Prompt – Please return all lines of the data below containing the string "IFCGEOMETRICREPRESENTATIONSUBCONTEXT".

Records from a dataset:
----------

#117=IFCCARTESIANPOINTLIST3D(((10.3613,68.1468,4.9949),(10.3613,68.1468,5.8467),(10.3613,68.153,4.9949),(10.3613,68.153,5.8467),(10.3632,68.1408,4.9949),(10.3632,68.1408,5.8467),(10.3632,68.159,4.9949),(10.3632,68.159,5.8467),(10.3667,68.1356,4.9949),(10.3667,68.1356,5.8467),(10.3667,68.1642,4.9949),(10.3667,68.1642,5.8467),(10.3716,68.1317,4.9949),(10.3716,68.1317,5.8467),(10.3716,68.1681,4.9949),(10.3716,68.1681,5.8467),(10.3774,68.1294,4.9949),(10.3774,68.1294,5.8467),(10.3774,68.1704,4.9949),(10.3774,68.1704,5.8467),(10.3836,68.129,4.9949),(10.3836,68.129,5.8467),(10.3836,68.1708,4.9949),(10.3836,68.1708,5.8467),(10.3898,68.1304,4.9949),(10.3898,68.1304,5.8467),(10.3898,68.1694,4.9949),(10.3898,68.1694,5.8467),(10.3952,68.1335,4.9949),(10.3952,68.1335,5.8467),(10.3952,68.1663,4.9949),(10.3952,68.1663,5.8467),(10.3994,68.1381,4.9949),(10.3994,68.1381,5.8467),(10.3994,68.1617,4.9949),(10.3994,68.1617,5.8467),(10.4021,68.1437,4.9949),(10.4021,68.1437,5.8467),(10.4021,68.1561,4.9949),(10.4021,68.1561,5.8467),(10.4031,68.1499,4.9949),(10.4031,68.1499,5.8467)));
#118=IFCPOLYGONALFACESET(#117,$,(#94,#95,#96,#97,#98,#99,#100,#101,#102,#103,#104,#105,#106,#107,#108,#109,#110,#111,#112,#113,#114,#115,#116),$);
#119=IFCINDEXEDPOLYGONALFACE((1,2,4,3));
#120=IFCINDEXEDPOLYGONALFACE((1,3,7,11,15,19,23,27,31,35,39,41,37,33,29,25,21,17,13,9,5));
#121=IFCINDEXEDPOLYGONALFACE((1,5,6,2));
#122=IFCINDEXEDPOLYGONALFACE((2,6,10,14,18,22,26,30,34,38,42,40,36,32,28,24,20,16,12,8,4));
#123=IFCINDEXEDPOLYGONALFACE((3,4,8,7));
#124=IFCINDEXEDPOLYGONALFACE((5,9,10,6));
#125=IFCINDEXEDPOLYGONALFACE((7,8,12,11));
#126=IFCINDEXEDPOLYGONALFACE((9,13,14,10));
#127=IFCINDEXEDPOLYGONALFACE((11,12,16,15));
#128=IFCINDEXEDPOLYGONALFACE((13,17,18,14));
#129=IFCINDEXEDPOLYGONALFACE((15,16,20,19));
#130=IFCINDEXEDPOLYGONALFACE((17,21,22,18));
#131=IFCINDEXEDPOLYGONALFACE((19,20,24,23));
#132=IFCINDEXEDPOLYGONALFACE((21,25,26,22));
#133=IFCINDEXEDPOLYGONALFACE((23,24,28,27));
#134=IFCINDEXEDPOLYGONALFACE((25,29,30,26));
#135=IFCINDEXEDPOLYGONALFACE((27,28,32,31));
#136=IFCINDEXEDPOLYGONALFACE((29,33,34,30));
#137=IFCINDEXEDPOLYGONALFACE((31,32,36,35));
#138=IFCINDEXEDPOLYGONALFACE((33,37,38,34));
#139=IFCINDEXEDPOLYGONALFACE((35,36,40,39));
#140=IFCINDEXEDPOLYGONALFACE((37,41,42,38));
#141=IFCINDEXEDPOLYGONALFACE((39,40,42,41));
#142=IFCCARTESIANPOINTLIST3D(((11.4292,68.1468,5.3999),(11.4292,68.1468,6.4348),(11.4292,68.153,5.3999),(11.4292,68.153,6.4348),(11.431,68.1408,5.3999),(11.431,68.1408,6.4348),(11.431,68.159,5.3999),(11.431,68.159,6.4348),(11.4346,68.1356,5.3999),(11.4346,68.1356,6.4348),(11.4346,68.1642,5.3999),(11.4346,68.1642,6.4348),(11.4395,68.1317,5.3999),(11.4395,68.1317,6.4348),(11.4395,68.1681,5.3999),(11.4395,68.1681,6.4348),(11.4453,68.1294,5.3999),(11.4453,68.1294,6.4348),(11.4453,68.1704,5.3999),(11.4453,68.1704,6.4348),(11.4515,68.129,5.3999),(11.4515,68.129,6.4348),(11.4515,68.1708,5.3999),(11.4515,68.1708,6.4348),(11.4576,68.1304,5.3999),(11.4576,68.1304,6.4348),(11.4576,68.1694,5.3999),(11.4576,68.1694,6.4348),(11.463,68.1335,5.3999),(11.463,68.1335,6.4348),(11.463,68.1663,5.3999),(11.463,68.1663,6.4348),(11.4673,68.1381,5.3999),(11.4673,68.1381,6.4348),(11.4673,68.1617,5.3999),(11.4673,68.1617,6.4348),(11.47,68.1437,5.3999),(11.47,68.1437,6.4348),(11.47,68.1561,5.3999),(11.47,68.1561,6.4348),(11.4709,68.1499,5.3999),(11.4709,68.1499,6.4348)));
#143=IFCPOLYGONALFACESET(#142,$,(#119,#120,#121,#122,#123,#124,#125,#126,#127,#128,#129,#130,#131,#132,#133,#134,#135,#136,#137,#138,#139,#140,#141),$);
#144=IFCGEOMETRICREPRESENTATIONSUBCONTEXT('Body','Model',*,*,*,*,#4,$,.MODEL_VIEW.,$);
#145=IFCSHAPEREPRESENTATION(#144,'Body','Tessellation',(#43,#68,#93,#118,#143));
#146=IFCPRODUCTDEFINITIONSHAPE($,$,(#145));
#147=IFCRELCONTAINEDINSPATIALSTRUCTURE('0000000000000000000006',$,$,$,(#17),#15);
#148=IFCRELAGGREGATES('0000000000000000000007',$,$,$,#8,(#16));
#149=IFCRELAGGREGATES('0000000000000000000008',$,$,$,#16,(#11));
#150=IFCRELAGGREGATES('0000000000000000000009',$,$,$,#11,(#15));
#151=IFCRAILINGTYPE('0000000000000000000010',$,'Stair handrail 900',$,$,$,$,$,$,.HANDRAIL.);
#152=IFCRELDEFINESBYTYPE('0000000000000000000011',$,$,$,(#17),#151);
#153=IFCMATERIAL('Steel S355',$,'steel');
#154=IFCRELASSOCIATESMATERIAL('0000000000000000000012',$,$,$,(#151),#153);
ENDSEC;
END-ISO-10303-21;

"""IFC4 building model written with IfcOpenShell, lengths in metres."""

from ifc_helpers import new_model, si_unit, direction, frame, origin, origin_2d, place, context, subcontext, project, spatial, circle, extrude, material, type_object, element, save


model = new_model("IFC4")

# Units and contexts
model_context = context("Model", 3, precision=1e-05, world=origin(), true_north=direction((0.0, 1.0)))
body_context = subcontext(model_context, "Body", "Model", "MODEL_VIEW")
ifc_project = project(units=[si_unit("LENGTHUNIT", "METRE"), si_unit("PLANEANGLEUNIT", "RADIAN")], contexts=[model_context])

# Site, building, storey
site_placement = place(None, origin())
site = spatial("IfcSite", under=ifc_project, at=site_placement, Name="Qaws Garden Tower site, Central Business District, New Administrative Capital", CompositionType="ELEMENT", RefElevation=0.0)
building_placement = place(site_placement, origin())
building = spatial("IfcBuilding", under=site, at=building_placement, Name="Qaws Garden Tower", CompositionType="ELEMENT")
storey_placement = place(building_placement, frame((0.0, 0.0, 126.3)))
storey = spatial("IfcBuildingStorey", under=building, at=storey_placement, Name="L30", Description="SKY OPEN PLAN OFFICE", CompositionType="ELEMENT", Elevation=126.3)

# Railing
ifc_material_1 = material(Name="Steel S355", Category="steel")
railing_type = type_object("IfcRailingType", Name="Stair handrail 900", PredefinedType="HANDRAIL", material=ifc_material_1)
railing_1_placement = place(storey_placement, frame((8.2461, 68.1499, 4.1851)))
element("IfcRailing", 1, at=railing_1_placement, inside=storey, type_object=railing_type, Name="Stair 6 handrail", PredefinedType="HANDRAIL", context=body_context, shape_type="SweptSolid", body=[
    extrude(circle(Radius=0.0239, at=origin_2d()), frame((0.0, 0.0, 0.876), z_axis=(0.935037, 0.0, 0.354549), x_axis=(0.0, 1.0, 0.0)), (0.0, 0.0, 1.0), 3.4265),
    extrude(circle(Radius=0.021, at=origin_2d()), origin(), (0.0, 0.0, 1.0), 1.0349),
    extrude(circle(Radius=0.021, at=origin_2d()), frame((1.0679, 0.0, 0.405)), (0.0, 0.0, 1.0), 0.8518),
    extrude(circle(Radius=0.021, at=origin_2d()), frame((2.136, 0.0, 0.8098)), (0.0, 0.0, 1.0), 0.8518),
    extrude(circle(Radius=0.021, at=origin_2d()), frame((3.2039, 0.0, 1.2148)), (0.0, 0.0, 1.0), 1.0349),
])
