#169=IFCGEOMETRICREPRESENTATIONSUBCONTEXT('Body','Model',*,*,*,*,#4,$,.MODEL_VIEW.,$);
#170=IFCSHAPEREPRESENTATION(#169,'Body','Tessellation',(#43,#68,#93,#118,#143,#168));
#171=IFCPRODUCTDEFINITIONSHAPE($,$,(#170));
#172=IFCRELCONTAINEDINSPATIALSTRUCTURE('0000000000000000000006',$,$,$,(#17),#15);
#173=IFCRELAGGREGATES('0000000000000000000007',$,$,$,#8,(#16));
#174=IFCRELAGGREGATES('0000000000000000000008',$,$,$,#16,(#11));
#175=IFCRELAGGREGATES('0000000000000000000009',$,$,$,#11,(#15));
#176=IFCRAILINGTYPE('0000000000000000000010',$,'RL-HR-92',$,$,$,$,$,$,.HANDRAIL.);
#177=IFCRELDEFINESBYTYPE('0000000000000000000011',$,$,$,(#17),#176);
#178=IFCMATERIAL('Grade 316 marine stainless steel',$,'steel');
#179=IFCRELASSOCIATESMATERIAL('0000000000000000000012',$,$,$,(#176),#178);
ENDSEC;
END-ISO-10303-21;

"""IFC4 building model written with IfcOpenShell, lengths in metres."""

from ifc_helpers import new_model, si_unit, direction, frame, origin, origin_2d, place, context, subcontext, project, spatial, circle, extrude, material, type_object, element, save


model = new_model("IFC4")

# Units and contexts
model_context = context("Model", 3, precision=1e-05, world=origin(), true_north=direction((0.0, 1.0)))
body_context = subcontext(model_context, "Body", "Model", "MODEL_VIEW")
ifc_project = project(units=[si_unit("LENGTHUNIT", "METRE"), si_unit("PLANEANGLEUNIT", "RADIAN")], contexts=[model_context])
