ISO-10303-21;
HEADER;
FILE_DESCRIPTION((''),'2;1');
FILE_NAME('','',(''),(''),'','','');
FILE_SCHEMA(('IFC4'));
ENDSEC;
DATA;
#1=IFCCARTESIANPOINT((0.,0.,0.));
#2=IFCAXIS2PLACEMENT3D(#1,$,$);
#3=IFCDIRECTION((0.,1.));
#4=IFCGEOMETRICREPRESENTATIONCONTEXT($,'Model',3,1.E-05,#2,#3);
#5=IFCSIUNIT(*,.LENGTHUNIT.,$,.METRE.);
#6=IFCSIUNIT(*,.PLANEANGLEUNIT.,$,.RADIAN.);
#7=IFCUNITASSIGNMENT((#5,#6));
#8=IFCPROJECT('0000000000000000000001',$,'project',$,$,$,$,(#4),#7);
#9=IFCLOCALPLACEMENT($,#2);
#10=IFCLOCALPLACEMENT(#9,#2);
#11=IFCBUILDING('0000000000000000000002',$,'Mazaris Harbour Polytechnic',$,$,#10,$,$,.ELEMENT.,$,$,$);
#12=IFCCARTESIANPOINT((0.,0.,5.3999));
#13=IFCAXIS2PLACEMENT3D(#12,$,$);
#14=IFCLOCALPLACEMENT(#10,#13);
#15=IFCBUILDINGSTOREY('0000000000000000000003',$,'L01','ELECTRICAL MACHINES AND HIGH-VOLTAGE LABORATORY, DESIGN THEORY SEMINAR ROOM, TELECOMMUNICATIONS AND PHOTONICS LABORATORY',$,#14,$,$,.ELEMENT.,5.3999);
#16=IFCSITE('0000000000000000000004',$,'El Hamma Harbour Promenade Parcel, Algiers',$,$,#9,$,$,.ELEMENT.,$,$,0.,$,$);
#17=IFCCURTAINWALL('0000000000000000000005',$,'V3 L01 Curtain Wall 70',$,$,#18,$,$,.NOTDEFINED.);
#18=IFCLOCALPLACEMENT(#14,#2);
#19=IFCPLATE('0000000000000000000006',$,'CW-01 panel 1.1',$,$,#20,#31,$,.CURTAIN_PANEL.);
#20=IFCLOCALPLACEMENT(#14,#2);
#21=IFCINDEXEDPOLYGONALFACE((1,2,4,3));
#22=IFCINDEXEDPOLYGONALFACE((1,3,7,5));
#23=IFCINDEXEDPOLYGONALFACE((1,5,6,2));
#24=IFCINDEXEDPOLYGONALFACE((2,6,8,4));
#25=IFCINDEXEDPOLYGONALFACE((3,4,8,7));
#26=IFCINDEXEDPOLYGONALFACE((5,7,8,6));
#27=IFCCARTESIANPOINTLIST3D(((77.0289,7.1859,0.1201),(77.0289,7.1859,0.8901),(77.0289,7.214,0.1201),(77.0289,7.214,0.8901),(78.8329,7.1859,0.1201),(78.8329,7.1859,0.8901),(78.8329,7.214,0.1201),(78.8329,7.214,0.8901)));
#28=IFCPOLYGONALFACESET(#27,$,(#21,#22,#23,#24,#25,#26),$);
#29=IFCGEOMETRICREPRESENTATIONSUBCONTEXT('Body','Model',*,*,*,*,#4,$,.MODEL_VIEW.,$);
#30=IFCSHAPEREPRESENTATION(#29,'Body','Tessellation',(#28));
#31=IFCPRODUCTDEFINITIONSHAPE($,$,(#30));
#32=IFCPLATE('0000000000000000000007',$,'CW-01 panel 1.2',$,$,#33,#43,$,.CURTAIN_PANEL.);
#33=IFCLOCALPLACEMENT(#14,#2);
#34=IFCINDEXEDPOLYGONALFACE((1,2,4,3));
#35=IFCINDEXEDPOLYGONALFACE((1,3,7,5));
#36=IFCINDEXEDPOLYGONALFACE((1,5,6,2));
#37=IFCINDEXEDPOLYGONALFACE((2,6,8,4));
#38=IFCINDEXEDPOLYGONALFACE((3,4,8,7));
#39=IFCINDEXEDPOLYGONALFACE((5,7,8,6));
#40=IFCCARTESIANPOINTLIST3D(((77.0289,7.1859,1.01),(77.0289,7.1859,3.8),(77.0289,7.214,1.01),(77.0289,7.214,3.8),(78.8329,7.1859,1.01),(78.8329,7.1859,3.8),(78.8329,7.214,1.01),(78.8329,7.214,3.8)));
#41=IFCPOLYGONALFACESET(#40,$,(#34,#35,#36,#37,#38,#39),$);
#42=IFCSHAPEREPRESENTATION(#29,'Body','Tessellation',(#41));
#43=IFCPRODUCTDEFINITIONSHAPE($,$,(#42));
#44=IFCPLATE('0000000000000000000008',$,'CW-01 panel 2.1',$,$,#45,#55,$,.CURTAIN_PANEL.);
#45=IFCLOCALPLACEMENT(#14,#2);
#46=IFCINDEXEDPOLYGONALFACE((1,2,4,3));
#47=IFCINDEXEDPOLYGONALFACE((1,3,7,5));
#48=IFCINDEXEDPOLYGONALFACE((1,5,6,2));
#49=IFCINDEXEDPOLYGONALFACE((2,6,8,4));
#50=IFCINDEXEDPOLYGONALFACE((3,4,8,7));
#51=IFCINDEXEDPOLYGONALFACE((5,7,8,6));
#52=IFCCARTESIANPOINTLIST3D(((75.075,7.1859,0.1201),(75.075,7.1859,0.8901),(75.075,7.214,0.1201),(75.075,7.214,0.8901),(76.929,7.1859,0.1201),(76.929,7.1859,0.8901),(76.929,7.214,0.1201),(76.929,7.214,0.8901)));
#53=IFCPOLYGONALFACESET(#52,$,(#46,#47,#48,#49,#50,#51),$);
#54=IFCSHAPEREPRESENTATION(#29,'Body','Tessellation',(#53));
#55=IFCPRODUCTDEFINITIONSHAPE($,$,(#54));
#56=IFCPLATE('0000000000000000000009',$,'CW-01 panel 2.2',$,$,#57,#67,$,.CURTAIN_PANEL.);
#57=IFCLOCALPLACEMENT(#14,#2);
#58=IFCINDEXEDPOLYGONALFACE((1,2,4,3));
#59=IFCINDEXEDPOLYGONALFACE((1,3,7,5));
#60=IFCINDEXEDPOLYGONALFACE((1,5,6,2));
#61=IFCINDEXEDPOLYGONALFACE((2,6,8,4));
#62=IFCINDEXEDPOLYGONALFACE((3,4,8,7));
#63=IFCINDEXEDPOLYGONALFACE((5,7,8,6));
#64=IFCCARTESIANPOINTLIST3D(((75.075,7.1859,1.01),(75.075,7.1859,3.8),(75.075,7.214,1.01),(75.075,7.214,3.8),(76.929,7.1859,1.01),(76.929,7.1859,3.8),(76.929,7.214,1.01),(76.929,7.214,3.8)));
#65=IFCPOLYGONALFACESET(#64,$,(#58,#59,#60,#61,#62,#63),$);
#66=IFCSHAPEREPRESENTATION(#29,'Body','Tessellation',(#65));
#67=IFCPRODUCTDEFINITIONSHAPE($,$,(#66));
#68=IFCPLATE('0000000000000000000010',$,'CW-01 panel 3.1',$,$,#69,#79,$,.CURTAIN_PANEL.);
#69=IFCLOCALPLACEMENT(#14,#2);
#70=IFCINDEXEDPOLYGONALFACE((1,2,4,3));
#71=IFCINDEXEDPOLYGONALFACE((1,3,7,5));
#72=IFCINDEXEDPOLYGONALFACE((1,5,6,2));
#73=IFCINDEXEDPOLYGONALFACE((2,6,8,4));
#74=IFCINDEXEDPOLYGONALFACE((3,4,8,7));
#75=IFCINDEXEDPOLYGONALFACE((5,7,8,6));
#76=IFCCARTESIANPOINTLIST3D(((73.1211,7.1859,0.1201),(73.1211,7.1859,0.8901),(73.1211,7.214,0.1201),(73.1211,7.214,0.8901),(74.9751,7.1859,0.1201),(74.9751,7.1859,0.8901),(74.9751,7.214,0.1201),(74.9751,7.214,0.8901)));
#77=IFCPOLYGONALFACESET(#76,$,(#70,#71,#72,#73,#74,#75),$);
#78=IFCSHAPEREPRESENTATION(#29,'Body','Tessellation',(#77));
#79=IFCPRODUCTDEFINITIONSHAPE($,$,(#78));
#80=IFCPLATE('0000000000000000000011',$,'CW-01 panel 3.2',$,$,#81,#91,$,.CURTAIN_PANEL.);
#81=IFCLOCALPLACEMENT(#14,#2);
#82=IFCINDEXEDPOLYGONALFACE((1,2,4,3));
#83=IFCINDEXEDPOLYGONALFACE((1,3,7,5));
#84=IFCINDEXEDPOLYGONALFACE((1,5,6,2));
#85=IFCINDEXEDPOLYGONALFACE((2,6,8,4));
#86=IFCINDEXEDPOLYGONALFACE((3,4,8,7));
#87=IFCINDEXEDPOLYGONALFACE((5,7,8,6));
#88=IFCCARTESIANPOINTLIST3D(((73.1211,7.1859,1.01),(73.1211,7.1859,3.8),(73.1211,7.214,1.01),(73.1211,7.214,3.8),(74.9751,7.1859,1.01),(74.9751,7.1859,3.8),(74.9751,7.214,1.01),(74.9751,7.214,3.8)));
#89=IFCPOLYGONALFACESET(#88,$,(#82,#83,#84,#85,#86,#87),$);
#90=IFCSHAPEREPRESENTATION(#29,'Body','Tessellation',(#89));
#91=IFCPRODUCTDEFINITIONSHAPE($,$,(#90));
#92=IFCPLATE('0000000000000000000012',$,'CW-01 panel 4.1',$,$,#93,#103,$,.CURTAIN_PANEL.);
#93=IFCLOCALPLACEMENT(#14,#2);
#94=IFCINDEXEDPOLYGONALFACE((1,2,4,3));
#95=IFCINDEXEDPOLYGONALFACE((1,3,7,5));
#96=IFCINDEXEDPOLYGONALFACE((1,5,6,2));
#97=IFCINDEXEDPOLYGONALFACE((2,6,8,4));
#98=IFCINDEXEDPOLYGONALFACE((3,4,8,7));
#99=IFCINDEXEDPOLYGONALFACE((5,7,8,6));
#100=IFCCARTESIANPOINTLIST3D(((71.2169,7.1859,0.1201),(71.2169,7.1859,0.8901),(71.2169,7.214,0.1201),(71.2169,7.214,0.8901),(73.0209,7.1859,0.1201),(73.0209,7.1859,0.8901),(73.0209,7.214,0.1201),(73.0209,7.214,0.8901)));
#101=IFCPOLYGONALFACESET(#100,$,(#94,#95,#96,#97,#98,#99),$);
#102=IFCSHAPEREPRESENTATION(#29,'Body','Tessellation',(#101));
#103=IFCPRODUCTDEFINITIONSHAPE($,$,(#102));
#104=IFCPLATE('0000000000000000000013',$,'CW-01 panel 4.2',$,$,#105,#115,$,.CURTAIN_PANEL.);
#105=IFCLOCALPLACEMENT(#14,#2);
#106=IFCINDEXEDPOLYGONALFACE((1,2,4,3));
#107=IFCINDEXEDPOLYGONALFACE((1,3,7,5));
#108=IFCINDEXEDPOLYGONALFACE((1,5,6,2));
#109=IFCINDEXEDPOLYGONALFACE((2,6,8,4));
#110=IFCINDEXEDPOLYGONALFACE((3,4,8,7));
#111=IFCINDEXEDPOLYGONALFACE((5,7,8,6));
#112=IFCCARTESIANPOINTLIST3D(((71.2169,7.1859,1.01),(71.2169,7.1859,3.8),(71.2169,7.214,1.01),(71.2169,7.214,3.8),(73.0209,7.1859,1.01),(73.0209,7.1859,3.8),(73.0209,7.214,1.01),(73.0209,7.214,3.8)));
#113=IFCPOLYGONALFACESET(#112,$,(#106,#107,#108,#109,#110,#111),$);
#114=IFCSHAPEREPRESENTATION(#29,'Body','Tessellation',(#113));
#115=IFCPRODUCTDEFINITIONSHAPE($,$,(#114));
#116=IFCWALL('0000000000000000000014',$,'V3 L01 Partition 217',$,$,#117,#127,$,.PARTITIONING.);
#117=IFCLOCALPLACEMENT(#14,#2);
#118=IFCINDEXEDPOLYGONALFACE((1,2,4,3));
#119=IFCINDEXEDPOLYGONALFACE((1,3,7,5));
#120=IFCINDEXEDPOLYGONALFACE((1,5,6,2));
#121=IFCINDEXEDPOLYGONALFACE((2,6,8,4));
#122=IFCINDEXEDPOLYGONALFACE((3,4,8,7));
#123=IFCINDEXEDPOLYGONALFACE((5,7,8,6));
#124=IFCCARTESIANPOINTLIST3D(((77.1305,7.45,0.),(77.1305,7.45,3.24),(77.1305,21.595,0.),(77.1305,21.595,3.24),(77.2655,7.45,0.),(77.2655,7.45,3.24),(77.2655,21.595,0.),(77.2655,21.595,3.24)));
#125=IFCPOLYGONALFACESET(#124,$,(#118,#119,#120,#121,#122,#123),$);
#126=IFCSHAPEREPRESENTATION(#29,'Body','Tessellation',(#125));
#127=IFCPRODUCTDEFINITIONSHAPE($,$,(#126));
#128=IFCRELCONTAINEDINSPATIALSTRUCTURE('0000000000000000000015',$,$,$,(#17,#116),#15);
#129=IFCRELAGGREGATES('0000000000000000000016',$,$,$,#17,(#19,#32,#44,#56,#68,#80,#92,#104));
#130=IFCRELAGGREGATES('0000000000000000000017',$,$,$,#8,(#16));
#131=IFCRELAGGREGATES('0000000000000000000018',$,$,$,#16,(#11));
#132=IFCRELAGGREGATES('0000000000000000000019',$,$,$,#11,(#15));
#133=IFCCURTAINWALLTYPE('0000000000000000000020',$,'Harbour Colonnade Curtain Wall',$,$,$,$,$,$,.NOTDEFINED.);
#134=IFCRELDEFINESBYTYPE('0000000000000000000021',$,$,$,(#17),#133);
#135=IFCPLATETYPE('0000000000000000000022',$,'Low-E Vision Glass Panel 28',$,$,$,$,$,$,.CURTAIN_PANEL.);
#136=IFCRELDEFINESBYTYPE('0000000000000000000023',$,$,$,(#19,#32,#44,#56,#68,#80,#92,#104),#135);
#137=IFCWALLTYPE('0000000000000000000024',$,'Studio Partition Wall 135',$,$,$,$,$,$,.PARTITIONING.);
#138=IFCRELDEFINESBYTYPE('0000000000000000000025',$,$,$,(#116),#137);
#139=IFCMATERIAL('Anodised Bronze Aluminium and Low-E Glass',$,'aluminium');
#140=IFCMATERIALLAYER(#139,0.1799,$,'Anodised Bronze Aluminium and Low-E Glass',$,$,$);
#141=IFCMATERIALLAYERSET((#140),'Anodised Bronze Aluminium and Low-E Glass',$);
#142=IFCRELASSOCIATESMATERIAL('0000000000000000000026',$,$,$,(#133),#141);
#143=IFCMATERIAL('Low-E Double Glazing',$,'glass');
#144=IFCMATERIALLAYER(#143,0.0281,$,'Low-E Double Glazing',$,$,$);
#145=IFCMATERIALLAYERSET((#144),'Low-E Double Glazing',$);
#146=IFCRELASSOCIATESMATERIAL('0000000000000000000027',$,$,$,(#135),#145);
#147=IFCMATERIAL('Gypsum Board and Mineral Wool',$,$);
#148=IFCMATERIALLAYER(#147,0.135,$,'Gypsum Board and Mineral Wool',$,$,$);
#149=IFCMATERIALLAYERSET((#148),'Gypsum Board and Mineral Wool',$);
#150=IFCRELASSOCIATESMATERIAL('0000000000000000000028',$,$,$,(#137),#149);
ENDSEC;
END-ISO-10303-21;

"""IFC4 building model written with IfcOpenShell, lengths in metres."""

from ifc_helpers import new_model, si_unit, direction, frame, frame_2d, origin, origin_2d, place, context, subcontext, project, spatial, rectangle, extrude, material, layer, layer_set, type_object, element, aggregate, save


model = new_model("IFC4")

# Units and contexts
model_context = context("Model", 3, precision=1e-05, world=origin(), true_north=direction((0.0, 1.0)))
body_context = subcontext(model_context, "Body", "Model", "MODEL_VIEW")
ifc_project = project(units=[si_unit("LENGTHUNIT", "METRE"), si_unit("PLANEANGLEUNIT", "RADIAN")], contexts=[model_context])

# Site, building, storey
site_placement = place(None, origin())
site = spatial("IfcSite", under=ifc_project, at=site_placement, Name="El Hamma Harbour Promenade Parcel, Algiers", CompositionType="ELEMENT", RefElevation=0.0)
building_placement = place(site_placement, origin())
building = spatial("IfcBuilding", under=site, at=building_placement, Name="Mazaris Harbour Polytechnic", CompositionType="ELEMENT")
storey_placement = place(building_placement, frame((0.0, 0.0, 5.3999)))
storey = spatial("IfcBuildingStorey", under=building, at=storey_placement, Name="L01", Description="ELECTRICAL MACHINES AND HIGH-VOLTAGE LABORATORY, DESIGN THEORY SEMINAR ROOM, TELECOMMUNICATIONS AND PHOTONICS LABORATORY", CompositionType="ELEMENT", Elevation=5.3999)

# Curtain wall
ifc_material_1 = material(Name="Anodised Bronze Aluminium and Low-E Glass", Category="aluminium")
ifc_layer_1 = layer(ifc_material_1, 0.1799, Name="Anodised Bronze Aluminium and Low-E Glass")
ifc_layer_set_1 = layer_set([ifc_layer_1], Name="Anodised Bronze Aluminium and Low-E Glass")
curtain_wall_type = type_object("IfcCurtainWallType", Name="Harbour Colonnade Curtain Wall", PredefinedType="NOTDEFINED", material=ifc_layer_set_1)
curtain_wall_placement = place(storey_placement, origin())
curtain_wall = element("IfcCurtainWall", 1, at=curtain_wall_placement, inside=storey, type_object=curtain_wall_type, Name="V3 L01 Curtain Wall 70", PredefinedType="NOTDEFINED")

----------

Completed task –
#144=IFCGEOMETRICREPRESENTATIONSUBCONTEXT('Body','Model',*,*,*,*,#4,$,.MODEL_VIEW.,$);
#169=IFCGEOMETRICREPRESENTATIONSUBCONTEXT('Body','Model',*,*,*,*,#4,$,.MODEL_VIEW.,$);
#29=IFCGEOMETRICREPRESENTATIONSUBCONTEXT('Body','Model',*,*,*,*,#4,$,.MODEL_VIEW.,$);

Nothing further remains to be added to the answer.